» Activity: Among the records that follow, find each line holding the word "Category" and copy it.

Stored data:
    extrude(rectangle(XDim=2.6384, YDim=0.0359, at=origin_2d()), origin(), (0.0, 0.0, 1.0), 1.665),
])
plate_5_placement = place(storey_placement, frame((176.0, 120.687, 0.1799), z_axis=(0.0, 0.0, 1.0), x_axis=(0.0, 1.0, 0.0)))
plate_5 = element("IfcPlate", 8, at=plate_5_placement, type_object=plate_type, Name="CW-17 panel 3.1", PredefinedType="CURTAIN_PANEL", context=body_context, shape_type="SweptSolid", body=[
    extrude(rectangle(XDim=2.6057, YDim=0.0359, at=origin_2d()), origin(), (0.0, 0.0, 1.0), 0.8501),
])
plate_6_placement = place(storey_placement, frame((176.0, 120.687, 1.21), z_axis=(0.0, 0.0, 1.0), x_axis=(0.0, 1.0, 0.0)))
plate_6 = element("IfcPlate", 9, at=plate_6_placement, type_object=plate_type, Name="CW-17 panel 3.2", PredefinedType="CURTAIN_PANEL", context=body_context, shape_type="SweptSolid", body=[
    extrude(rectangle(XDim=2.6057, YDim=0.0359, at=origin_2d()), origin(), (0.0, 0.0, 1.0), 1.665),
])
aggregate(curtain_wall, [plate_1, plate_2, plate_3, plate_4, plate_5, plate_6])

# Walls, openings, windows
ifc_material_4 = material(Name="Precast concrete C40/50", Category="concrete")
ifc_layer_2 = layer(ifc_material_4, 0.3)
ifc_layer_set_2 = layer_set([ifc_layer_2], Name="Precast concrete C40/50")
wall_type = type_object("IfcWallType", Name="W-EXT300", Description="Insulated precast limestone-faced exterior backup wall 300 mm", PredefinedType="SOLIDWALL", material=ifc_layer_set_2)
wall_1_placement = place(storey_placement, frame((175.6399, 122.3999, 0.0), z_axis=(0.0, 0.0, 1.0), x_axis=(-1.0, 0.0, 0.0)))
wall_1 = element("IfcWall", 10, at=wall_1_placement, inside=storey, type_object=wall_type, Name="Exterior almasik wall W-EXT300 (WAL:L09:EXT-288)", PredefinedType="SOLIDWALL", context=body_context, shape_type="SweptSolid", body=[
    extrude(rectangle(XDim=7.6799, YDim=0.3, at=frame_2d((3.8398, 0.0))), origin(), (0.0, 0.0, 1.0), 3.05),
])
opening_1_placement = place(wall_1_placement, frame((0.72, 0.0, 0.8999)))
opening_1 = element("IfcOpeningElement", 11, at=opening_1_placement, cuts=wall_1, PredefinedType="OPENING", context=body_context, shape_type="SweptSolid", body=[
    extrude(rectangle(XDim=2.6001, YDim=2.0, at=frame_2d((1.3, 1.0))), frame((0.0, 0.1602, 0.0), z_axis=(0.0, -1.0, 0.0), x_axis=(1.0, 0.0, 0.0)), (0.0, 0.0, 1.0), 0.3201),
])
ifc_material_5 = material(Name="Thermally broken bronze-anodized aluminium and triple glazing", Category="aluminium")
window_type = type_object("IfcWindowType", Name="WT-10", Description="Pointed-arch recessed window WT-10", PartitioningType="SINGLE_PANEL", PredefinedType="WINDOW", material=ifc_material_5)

» Answer section:
ifc_material_4 = material(Name="Precast concrete C40/50", Category="concrete")
ifc_material_5 = material(Name="Thermally broken bronze-anodized aluminium and triple glazing", Category="aluminium")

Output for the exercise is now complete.